Stored data.
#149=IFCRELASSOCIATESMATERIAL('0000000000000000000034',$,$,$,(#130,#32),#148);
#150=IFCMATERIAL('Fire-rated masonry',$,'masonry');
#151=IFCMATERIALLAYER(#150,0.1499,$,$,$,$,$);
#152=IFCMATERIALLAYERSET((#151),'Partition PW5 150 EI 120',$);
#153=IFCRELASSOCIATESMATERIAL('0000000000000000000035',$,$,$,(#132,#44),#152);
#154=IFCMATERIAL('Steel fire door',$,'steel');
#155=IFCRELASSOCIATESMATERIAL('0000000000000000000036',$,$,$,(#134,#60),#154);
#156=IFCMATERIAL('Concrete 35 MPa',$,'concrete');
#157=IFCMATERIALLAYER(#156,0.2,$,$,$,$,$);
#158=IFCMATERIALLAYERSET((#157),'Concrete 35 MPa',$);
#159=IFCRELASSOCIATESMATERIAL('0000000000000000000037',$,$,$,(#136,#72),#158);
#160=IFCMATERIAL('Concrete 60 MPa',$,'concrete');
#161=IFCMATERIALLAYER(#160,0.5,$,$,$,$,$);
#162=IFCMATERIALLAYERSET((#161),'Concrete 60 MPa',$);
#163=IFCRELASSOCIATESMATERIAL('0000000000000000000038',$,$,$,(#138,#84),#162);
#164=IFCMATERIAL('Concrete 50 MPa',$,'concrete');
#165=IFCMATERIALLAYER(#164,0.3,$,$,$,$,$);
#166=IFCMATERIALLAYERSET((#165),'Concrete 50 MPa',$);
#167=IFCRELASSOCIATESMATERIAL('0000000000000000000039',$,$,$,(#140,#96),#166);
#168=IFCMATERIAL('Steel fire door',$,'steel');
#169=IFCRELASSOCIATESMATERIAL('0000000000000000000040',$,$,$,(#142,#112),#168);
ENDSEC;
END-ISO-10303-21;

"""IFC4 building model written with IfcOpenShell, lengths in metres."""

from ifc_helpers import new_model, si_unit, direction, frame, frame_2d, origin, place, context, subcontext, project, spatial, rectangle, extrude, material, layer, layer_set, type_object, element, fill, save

* * *

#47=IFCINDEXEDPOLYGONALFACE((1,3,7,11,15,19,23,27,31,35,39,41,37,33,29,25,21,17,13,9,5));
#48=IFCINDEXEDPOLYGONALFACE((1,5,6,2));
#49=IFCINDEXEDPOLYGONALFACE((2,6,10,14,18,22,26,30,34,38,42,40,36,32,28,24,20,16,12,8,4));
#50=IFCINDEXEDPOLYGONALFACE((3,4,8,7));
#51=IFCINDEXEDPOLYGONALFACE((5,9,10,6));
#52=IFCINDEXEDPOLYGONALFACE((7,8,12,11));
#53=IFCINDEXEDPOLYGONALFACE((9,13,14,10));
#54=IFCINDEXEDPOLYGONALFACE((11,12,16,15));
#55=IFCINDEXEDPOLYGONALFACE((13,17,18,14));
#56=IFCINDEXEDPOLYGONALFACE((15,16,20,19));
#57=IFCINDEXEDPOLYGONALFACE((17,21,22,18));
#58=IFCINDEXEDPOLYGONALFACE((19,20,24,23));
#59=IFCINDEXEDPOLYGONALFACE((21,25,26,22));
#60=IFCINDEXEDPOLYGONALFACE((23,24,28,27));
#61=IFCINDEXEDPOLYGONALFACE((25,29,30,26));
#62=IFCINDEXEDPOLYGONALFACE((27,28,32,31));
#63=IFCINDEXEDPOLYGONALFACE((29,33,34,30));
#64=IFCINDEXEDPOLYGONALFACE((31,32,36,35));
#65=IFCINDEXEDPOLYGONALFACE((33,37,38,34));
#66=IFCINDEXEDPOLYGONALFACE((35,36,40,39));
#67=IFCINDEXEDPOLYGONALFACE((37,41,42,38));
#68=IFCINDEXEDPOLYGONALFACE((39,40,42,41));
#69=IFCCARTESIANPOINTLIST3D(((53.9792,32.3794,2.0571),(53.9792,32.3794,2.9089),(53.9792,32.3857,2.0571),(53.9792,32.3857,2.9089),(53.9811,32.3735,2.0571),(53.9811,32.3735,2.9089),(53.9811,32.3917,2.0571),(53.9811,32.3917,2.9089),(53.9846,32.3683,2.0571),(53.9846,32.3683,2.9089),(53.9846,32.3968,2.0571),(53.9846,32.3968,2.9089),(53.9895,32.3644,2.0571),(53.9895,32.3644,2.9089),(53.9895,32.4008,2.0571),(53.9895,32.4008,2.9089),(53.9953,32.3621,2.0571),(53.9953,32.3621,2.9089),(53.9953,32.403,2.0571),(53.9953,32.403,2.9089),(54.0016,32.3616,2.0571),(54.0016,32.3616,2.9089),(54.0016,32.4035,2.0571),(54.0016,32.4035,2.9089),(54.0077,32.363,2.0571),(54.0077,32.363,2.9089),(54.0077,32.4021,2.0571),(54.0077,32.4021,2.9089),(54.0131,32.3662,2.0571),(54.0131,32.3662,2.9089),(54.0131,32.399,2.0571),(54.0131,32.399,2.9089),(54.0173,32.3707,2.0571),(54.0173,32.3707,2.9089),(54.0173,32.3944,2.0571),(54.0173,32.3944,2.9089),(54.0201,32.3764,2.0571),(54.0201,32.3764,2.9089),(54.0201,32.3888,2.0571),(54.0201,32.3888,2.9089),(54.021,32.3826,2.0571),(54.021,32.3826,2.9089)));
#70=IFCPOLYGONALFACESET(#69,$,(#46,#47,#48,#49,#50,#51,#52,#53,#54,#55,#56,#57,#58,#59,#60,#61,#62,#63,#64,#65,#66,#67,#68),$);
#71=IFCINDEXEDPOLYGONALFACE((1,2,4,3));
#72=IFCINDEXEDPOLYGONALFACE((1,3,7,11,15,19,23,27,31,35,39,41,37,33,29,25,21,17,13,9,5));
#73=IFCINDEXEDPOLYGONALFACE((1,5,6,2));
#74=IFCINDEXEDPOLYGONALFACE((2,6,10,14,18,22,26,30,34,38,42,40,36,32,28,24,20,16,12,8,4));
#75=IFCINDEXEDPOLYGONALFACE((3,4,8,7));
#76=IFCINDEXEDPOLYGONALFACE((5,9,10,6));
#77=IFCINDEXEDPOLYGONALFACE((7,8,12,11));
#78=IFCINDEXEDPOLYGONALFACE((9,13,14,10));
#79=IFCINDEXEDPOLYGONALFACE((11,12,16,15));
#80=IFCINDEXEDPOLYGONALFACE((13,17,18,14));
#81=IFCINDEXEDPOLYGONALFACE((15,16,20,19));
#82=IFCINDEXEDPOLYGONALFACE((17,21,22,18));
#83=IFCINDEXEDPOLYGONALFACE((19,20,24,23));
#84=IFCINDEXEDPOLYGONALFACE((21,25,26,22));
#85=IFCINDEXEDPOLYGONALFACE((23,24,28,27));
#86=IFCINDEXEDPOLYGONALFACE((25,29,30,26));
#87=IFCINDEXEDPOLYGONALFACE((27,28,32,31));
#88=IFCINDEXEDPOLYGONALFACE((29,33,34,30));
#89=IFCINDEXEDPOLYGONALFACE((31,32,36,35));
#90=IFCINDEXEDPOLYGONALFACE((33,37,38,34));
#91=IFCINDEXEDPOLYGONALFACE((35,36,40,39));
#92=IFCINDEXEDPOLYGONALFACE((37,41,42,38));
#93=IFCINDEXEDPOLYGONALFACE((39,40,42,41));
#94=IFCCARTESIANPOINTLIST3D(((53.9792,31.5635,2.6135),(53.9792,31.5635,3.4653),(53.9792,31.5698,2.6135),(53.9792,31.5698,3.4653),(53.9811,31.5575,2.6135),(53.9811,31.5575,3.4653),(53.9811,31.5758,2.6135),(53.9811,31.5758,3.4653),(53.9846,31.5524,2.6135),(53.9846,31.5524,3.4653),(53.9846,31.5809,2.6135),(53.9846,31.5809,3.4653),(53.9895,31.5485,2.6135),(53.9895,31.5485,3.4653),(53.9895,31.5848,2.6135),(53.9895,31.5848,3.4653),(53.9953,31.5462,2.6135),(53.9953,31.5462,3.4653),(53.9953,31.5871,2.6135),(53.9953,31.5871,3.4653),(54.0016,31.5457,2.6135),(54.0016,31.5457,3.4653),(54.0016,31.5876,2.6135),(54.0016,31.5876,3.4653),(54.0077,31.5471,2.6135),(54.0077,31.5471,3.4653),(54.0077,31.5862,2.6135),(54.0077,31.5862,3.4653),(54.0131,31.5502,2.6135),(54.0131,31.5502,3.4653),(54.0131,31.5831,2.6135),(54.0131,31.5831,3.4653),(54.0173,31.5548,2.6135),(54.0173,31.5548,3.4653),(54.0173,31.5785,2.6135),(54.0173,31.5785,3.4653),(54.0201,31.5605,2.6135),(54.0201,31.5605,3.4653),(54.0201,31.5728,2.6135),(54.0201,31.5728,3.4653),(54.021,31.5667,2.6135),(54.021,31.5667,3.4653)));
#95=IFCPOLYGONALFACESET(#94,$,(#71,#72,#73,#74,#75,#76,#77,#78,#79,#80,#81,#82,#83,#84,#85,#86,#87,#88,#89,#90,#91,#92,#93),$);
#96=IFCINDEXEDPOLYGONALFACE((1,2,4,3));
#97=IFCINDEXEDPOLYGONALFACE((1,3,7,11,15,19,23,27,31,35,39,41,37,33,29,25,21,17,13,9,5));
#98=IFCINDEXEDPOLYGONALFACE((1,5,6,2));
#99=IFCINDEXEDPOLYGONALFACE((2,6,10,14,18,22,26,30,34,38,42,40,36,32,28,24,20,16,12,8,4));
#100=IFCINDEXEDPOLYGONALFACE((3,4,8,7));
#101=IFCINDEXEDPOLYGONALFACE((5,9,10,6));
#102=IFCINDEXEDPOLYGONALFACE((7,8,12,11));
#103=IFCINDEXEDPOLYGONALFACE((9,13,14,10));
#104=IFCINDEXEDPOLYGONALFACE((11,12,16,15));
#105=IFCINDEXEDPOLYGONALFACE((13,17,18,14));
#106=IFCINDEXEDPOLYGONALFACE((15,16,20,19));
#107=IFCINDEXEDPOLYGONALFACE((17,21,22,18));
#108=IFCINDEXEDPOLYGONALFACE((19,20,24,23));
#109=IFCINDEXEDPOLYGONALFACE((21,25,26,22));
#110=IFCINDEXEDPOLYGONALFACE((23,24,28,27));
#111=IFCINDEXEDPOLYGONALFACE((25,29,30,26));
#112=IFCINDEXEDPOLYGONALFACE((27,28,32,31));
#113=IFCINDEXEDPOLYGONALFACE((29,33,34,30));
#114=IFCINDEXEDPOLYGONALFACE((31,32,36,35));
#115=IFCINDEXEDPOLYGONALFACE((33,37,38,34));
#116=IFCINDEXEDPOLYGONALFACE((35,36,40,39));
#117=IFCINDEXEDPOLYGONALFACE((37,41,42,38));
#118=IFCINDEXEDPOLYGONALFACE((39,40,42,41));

The problem. From the records above, retype only the lines starting at the line that contains "#106=IFCINDEXEDPOLYGONALFACE((15,16,20,19));" and ending at the line that contains "#118=IFCINDEXEDPOLYGONALFACE((39,40,42,41));", both included.

The answer.
#106=IFCINDEXEDPOLYGONALFACE((15,16,20,19));
#107=IFCINDEXEDPOLYGONALFACE((17,21,22,18));
#108=IFCINDEXEDPOLYGONALFACE((19,20,24,23));
#109=IFCINDEXEDPOLYGONALFACE((21,25,26,22));
#110=IFCINDEXEDPOLYGONALFACE((23,24,28,27));
#111=IFCINDEXEDPOLYGONALFACE((25,29,30,26));
#112=IFCINDEXEDPOLYGONALFACE((27,28,32,31));
#113=IFCINDEXEDPOLYGONALFACE((29,33,34,30));
#114=IFCINDEXEDPOLYGONALFACE((31,32,36,35));
#115=IFCINDEXEDPOLYGONALFACE((33,37,38,34));
#116=IFCINDEXEDPOLYGONALFACE((35,36,40,39));
#117=IFCINDEXEDPOLYGONALFACE((37,41,42,38));
#118=IFCINDEXEDPOLYGONALFACE((39,40,42,41));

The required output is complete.